## Problem
Each line from the opening of the records that follow to the line with "x_axis=(0.049045, 0.998797, 0.0)))" needs to be written out exactly. Add nothing.

*** Opening Data supplied ***

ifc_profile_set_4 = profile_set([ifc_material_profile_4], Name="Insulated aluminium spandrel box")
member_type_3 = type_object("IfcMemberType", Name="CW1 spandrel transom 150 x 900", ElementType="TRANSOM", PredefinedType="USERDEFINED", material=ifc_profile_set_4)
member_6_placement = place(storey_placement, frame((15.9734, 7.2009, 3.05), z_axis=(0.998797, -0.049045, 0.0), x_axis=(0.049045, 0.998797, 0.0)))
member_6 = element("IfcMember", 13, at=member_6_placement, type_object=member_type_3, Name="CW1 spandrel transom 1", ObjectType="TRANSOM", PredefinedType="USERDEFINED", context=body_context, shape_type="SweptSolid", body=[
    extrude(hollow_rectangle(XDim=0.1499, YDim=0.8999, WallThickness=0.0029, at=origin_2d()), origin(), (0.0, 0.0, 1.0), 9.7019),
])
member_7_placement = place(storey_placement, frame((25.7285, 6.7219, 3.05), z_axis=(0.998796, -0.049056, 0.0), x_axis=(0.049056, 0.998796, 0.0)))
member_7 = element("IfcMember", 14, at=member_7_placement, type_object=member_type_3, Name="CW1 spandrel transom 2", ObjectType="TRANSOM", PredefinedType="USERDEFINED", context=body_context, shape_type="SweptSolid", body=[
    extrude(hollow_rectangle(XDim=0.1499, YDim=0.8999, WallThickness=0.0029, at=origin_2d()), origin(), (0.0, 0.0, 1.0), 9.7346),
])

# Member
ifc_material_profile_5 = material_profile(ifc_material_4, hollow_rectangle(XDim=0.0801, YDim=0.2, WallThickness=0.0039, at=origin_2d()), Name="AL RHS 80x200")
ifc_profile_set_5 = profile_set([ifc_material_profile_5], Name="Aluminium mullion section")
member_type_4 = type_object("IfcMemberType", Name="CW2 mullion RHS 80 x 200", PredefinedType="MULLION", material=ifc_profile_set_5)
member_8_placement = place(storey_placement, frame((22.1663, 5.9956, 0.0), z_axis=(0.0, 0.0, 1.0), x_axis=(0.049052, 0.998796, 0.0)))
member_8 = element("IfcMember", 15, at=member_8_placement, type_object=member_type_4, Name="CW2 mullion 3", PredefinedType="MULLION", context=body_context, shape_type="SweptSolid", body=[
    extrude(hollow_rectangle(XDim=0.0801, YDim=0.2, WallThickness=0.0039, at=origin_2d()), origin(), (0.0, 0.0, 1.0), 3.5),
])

*** Closing Data supplied ***

## Output
ifc_profile_set_4 = profile_set([ifc_material_profile_4], Name="Insulated aluminium spandrel box")
member_type_3 = type_object("IfcMemberType", Name="CW1 spandrel transom 150 x 900", ElementType="TRANSOM", PredefinedType="USERDEFINED", material=ifc_profile_set_4)
member_6_placement = place(storey_placement, frame((15.9734, 7.2009, 3.05), z_axis=(0.998797, -0.049045, 0.0), x_axis=(0.049045, 0.998797, 0.0)))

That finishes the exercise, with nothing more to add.